*** RECORDS Section Begins ***

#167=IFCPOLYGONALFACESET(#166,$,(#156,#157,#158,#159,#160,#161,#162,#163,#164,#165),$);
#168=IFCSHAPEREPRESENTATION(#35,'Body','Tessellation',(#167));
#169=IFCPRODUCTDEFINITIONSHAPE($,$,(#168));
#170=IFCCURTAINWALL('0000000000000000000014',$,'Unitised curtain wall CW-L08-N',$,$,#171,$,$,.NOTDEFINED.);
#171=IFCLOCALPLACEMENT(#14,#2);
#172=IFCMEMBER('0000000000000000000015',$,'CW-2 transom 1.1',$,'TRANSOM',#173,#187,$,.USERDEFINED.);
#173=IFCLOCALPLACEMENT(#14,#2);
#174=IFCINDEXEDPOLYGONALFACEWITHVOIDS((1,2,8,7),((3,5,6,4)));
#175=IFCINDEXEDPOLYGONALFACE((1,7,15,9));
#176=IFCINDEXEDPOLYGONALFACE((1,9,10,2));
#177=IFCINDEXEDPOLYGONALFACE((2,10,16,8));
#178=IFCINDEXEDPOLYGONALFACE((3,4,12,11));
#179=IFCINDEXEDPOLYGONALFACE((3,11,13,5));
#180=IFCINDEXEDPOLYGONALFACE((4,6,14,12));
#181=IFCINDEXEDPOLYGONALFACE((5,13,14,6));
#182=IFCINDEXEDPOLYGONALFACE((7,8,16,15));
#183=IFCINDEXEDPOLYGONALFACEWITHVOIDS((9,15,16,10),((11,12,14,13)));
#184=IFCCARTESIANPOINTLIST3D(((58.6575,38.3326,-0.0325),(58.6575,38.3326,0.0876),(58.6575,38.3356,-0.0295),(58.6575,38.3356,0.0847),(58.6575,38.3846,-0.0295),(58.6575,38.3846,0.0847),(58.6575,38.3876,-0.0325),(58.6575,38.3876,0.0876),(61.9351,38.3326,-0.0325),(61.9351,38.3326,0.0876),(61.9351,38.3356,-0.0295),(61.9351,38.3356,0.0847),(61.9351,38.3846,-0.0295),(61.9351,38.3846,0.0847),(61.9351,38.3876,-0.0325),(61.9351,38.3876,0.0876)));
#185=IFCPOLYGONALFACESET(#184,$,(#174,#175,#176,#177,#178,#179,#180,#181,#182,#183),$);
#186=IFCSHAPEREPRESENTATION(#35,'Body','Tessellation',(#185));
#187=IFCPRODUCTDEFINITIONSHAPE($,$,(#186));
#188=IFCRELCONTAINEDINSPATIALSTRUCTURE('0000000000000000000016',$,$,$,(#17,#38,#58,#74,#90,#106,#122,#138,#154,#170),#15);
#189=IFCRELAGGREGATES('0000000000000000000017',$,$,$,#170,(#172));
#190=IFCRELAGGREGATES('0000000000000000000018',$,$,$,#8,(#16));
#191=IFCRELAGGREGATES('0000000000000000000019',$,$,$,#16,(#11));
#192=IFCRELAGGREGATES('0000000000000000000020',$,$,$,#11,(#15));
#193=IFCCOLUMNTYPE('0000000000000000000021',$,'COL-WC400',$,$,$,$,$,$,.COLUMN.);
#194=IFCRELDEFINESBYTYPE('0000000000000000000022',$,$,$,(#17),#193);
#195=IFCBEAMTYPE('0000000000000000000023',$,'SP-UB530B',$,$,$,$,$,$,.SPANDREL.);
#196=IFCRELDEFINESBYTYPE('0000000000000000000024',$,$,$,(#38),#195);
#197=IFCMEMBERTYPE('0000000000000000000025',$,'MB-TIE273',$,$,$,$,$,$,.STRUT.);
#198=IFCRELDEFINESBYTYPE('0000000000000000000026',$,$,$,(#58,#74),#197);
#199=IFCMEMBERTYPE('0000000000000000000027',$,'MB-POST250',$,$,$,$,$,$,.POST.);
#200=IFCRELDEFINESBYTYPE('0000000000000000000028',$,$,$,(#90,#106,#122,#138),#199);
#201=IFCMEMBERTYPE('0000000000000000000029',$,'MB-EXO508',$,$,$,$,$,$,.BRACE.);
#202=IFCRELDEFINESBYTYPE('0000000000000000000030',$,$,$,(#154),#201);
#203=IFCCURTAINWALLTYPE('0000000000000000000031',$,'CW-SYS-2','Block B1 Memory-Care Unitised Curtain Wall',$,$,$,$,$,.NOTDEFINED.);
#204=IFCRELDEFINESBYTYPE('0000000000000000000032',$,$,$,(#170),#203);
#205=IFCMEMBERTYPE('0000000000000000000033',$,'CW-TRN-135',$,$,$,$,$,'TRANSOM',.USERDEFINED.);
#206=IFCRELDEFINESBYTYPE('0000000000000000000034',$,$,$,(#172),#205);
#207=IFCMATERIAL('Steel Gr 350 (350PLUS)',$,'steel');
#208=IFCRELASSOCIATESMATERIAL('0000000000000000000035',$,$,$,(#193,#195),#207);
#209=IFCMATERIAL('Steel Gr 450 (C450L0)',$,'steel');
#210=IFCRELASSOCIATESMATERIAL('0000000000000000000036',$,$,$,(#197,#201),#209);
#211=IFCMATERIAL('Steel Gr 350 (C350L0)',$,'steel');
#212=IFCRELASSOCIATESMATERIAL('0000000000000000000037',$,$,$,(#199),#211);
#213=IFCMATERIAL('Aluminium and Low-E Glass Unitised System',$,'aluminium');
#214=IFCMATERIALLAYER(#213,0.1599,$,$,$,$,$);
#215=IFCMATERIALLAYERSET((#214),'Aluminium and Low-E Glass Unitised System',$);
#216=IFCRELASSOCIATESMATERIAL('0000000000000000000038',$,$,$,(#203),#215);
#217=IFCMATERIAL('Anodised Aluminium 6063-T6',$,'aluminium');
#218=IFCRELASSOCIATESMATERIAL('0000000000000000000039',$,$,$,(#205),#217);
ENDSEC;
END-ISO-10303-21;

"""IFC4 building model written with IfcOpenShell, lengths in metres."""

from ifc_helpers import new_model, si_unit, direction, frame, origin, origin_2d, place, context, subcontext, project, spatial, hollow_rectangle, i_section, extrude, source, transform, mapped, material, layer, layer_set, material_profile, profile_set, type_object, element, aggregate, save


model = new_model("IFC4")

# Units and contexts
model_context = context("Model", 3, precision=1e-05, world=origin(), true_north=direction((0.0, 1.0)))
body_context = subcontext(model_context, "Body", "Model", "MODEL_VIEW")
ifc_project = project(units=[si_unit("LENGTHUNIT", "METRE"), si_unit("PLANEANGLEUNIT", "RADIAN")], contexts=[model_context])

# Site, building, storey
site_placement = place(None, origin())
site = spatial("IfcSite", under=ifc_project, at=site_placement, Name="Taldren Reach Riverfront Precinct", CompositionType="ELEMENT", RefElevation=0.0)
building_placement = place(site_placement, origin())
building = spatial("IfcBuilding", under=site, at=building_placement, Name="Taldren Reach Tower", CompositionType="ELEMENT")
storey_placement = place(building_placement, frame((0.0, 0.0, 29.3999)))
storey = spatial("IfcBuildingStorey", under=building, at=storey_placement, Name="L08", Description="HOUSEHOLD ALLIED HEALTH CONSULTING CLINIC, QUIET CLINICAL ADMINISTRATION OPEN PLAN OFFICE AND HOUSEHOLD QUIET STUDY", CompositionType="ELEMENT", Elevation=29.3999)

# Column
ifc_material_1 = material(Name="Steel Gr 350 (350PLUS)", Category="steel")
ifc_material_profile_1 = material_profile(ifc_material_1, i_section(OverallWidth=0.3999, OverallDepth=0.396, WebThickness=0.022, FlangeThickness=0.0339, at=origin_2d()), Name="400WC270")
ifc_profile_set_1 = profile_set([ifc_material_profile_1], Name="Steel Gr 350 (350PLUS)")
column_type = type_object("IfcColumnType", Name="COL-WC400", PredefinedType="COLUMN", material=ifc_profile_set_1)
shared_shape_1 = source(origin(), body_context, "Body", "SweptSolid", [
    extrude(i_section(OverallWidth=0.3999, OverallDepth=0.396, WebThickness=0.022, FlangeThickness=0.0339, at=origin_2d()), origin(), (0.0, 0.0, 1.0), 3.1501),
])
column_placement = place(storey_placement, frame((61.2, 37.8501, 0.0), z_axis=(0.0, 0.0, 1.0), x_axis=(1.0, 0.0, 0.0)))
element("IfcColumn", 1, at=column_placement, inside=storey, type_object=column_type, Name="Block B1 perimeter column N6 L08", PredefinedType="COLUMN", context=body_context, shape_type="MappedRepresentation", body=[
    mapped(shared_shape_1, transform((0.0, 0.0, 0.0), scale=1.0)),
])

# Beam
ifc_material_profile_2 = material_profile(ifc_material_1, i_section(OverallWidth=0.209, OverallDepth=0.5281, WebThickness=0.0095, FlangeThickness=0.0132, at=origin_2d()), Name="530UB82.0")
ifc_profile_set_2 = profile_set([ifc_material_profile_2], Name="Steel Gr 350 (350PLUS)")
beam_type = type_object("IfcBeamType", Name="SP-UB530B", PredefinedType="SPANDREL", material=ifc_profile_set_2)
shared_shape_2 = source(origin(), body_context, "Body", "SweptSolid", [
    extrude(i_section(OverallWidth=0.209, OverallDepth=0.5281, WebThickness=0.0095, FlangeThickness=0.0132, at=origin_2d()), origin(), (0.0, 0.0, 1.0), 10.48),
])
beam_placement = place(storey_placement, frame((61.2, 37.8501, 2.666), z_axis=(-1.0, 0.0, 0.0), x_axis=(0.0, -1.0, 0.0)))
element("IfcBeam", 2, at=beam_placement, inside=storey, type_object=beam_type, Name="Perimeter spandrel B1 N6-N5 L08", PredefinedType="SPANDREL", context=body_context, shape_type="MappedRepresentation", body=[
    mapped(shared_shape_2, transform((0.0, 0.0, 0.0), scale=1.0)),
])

*** RECORDS Section Ends ***

PROBLEM DESCRIPTION -
Which lines of the records above contain the word "Tessellation"? Copy each of them.

TASK RESULT -
#168=IFCSHAPEREPRESENTATION(#35,'Body','Tessellation',(#167));
#186=IFCSHAPEREPRESENTATION(#35,'Body','Tessellation',(#185));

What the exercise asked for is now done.